**Task goal:**
For each line in the material below that holds "IFCPOLYGONALFACESET", copy that line.

**Available data:**

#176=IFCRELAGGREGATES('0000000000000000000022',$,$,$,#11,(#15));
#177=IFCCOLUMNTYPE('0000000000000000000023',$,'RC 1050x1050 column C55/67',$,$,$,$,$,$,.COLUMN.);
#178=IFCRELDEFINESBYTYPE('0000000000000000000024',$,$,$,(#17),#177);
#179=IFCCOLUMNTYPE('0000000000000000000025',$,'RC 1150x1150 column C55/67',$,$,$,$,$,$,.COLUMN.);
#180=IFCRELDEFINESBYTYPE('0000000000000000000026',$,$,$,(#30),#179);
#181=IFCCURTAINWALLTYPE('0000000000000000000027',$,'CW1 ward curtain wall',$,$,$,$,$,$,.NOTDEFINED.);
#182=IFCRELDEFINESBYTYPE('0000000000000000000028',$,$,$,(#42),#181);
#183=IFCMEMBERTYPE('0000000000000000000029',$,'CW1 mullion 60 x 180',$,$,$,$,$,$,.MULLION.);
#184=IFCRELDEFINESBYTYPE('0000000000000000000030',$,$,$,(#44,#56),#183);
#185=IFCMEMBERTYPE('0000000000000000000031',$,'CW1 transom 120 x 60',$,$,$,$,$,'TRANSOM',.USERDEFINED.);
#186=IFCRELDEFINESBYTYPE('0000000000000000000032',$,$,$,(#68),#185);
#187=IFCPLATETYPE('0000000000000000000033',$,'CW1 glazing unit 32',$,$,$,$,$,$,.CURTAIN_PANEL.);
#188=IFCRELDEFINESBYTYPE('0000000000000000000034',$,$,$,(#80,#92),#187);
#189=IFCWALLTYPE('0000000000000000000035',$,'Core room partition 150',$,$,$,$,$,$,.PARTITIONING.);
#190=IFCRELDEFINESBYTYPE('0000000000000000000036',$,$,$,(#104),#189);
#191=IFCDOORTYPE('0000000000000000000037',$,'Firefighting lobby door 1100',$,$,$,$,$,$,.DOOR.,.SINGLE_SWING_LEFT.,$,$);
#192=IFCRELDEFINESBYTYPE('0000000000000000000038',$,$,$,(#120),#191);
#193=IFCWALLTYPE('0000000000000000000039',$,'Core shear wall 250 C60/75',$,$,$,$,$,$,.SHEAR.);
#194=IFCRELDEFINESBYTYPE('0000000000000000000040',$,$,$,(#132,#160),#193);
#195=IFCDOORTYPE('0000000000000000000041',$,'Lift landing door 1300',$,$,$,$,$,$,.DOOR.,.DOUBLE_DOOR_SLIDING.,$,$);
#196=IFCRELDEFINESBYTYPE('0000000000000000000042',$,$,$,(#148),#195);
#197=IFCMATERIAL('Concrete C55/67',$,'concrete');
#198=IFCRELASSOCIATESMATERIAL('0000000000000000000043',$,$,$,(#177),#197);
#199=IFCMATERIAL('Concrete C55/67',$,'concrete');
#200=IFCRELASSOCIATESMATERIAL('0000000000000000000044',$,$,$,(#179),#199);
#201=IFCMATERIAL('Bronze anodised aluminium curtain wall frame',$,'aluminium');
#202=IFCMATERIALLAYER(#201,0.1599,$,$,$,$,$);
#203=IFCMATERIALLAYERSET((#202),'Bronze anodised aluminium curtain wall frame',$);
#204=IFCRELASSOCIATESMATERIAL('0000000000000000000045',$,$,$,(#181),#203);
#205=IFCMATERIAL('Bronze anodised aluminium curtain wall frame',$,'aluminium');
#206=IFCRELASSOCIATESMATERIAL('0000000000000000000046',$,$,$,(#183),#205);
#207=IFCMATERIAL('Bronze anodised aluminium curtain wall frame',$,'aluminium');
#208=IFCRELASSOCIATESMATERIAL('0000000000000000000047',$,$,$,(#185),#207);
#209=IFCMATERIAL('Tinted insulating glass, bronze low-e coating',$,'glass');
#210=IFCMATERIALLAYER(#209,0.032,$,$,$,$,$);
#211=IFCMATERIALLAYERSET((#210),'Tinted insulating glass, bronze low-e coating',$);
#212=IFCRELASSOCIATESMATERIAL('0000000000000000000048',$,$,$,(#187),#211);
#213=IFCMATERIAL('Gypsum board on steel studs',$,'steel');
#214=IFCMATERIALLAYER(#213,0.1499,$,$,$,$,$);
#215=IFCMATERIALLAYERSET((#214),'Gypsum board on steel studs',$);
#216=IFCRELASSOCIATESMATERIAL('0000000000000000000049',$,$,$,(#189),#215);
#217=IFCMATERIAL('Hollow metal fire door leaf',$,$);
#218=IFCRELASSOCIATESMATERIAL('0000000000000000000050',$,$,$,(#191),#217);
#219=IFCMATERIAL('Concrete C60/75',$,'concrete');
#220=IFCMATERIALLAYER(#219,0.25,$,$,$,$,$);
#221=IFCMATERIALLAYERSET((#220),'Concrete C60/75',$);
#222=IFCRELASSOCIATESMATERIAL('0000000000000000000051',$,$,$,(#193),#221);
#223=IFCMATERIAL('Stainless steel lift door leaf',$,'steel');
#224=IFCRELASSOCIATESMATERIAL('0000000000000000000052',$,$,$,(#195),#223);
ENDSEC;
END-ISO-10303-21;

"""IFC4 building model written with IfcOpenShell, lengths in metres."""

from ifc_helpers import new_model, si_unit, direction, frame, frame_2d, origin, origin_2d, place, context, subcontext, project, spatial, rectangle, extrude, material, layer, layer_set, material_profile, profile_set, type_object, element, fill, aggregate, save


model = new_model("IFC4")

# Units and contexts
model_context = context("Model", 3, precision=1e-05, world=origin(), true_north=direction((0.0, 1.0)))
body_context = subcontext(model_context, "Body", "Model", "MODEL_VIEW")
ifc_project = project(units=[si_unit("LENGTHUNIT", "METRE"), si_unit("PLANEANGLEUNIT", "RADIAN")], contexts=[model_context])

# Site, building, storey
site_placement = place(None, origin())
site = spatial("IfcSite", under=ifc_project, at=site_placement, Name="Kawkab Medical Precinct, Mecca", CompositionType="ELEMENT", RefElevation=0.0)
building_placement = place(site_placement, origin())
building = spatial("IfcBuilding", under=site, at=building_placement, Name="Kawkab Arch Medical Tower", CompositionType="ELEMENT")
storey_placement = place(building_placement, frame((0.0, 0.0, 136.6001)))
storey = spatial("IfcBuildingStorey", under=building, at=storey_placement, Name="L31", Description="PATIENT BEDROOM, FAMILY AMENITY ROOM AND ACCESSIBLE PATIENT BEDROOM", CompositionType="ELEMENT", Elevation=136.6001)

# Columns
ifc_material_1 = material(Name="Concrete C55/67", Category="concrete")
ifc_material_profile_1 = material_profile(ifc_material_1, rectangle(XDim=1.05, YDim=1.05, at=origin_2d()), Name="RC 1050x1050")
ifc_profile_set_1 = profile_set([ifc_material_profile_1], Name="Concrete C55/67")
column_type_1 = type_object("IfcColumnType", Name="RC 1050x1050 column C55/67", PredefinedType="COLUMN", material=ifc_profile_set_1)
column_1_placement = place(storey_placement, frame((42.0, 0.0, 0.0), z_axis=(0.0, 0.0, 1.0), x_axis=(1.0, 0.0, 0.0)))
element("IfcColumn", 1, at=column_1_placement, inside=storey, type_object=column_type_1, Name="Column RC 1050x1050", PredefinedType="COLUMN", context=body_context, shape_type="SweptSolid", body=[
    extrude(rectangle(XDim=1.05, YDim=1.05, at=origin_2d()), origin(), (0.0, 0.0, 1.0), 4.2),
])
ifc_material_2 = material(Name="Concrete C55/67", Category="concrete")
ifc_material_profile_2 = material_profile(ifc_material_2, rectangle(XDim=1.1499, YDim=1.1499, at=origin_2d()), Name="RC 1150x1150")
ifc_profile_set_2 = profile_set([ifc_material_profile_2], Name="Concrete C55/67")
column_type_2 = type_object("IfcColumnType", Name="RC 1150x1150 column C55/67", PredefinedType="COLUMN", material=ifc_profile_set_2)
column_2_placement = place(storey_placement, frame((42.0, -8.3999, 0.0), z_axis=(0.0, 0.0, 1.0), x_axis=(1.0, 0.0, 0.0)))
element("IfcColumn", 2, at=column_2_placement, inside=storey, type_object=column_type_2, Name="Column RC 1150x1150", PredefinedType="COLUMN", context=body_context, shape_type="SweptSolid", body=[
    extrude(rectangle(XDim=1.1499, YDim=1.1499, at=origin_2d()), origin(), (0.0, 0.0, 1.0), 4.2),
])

---

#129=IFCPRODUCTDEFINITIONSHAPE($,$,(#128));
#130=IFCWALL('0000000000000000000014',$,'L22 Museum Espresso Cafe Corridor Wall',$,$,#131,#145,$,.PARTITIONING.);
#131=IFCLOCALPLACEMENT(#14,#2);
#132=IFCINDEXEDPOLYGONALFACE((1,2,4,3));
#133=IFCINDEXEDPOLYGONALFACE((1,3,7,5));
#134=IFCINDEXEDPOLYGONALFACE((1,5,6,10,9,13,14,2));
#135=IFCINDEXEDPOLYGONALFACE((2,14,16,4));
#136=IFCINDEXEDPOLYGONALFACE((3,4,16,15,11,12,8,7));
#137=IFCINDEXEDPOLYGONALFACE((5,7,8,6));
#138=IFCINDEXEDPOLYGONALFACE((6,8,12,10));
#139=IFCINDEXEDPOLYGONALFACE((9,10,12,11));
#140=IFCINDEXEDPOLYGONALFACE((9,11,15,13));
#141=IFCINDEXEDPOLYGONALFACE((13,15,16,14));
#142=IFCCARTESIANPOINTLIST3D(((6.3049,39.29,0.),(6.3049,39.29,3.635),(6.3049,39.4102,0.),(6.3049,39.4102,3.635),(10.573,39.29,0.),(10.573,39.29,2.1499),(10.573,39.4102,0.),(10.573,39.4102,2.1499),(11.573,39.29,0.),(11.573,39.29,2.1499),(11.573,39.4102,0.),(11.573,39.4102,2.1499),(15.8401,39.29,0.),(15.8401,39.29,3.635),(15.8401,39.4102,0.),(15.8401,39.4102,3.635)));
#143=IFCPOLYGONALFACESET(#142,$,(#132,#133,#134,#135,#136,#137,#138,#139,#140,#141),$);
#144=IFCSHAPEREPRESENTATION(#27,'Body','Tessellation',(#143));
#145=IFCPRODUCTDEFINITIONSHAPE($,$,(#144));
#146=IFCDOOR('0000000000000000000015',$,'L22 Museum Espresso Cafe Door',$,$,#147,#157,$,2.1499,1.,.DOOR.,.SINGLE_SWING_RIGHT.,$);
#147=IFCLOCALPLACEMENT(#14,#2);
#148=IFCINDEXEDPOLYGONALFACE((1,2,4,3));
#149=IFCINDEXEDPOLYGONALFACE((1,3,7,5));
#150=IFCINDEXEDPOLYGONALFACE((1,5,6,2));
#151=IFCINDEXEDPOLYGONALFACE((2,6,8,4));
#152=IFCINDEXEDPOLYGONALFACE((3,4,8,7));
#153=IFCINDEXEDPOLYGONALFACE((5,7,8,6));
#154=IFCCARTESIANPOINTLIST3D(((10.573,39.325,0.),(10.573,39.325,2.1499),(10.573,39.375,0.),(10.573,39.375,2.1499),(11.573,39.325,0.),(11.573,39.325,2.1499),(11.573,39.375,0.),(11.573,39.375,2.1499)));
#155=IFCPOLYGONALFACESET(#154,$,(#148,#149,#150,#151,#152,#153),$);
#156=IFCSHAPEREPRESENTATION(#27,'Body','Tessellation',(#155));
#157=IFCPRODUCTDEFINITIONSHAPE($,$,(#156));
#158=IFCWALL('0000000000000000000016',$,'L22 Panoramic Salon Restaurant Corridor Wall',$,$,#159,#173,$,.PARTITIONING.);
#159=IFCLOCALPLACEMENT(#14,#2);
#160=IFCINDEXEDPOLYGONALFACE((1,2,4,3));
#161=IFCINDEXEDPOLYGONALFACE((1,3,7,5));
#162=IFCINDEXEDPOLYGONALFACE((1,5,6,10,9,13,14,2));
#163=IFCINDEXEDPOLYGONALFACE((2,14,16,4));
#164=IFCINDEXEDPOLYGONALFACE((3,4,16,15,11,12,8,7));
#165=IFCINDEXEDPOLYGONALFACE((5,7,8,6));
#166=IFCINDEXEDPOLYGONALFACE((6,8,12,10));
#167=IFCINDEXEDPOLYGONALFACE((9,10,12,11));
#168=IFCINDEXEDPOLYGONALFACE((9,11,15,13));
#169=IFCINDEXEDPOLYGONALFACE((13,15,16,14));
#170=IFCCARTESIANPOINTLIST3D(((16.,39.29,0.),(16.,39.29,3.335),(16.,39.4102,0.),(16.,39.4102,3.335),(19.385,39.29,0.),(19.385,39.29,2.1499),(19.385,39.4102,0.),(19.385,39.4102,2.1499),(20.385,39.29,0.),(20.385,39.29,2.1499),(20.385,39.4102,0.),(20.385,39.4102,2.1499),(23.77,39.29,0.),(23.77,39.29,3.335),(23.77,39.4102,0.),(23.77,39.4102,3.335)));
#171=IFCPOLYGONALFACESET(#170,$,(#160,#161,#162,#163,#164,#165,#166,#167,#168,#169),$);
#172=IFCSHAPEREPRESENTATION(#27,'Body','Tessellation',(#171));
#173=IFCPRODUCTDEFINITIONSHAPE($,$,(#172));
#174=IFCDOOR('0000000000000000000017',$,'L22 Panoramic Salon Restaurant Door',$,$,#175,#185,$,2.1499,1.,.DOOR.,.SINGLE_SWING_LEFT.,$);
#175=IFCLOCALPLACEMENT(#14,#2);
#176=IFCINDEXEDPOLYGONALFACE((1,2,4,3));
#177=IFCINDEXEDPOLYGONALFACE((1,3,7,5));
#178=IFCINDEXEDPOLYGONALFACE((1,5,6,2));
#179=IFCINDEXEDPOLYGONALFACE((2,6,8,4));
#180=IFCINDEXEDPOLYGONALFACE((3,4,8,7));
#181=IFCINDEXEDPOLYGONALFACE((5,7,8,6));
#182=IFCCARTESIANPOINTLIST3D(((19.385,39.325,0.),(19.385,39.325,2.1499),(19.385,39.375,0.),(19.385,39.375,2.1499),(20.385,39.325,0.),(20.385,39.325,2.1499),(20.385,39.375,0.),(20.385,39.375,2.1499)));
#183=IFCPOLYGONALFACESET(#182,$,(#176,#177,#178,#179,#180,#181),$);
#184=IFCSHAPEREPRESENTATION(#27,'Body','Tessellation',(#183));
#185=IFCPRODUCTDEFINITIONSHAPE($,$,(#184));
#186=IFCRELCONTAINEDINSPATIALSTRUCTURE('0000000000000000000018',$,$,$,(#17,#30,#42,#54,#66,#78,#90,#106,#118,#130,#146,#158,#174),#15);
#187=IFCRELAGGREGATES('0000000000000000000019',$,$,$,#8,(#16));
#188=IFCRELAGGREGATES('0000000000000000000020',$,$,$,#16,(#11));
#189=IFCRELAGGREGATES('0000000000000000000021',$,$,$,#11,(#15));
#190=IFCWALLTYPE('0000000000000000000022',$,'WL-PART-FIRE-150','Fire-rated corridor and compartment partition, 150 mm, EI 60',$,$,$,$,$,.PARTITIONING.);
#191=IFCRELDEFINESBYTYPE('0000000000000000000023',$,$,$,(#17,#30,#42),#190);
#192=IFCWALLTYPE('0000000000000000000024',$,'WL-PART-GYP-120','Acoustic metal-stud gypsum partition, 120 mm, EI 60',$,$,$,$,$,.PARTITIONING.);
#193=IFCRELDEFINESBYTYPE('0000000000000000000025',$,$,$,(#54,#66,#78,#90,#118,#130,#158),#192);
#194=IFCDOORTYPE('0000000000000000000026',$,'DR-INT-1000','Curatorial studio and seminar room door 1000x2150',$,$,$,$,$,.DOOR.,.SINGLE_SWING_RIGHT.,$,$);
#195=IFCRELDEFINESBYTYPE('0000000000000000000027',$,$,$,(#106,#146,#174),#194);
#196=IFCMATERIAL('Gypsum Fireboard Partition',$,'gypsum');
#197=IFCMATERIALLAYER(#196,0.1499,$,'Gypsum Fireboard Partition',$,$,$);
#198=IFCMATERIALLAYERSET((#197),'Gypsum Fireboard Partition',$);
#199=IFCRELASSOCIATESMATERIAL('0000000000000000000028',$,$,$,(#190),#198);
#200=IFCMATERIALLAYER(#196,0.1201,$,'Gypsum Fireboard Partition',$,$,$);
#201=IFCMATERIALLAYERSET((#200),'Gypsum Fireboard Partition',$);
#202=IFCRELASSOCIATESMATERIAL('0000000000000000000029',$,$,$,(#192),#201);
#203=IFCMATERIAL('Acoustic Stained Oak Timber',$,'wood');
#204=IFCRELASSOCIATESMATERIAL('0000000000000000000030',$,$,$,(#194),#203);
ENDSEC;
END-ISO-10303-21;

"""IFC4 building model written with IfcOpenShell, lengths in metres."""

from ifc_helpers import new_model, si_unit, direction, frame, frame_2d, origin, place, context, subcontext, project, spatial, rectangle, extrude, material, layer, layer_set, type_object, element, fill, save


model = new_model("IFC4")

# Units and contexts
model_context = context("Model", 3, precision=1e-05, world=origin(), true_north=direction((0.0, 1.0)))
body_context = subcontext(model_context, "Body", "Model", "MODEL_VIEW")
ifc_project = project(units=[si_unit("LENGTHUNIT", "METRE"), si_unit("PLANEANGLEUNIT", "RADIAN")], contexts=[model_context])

* * *

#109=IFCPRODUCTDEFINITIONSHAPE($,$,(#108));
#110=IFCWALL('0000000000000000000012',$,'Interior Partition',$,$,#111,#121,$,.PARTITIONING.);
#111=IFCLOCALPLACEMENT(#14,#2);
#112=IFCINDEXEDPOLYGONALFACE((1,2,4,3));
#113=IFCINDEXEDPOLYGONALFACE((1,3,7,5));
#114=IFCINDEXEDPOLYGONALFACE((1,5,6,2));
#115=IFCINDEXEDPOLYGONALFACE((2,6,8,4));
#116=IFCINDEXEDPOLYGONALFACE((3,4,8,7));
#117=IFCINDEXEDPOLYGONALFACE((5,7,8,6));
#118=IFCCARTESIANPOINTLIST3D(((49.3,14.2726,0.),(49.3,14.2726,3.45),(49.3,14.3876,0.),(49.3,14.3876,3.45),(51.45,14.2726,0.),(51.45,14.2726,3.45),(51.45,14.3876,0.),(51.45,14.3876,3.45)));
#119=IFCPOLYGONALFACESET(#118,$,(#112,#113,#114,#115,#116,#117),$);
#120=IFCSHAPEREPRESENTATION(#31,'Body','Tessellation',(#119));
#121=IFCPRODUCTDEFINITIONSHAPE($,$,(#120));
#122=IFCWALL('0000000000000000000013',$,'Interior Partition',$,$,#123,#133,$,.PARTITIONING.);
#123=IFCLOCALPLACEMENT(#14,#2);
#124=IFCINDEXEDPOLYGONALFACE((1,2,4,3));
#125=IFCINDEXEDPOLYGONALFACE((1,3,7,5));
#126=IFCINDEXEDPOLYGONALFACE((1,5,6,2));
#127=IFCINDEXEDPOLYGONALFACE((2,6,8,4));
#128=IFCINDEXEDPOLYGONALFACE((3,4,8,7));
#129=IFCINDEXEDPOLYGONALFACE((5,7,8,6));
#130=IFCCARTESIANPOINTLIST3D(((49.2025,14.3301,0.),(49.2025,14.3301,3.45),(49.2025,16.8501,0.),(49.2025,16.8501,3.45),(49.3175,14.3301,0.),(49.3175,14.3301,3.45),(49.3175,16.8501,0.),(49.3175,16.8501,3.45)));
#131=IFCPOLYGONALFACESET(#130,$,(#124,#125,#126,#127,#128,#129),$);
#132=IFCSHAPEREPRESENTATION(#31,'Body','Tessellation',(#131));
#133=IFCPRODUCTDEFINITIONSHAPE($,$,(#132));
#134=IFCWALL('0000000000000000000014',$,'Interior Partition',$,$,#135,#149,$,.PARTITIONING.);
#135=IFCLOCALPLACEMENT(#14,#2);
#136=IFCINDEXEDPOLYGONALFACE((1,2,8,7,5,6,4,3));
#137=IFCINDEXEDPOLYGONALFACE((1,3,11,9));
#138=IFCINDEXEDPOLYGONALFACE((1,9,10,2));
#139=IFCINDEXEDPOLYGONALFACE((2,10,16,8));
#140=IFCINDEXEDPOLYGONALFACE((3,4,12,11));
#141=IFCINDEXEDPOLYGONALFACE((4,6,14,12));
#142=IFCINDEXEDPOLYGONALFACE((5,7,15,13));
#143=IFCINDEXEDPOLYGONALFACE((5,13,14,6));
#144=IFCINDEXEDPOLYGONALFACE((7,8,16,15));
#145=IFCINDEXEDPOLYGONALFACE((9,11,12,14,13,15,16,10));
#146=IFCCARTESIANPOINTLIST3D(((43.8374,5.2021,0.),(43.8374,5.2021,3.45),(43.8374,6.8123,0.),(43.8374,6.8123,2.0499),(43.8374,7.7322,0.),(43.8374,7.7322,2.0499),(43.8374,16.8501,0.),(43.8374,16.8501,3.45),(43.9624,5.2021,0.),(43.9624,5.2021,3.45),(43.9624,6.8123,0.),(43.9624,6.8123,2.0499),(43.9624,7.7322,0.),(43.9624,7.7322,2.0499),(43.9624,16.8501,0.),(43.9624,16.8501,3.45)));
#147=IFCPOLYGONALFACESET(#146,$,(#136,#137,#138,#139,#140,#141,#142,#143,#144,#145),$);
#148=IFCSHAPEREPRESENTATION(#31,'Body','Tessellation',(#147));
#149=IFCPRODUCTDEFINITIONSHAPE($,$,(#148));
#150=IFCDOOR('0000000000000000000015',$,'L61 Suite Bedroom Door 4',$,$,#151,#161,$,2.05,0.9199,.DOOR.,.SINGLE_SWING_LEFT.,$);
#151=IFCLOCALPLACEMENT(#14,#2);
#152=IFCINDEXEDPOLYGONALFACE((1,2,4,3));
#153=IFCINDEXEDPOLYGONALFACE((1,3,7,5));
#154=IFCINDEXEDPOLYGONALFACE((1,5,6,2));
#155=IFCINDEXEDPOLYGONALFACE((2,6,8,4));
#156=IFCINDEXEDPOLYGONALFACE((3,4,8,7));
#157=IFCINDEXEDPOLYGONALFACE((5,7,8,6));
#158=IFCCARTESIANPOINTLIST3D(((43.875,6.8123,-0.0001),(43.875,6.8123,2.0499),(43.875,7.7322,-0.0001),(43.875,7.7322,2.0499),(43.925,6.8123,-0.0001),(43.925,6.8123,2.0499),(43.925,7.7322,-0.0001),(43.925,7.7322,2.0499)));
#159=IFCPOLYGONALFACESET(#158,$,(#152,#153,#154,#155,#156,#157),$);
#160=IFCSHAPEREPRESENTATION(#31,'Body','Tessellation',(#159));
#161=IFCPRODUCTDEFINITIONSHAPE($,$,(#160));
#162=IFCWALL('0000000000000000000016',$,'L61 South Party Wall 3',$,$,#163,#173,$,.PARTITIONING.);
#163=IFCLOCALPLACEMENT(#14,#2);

**Written response:**
#143=IFCPOLYGONALFACESET(#142,$,(#132,#133,#134,#135,#136,#137,#138,#139,#140,#141),$);
#155=IFCPOLYGONALFACESET(#154,$,(#148,#149,#150,#151,#152,#153),$);
#171=IFCPOLYGONALFACESET(#170,$,(#160,#161,#162,#163,#164,#165,#166,#167,#168,#169),$);
#183=IFCPOLYGONALFACESET(#182,$,(#176,#177,#178,#179,#180,#181),$);
#119=IFCPOLYGONALFACESET(#118,$,(#112,#113,#114,#115,#116,#117),$);
#131=IFCPOLYGONALFACESET(#130,$,(#124,#125,#126,#127,#128,#129),$);
#147=IFCPOLYGONALFACESET(#146,$,(#136,#137,#138,#139,#140,#141,#142,#143,#144,#145),$);
#159=IFCPOLYGONALFACESET(#158,$,(#152,#153,#154,#155,#156,#157),$);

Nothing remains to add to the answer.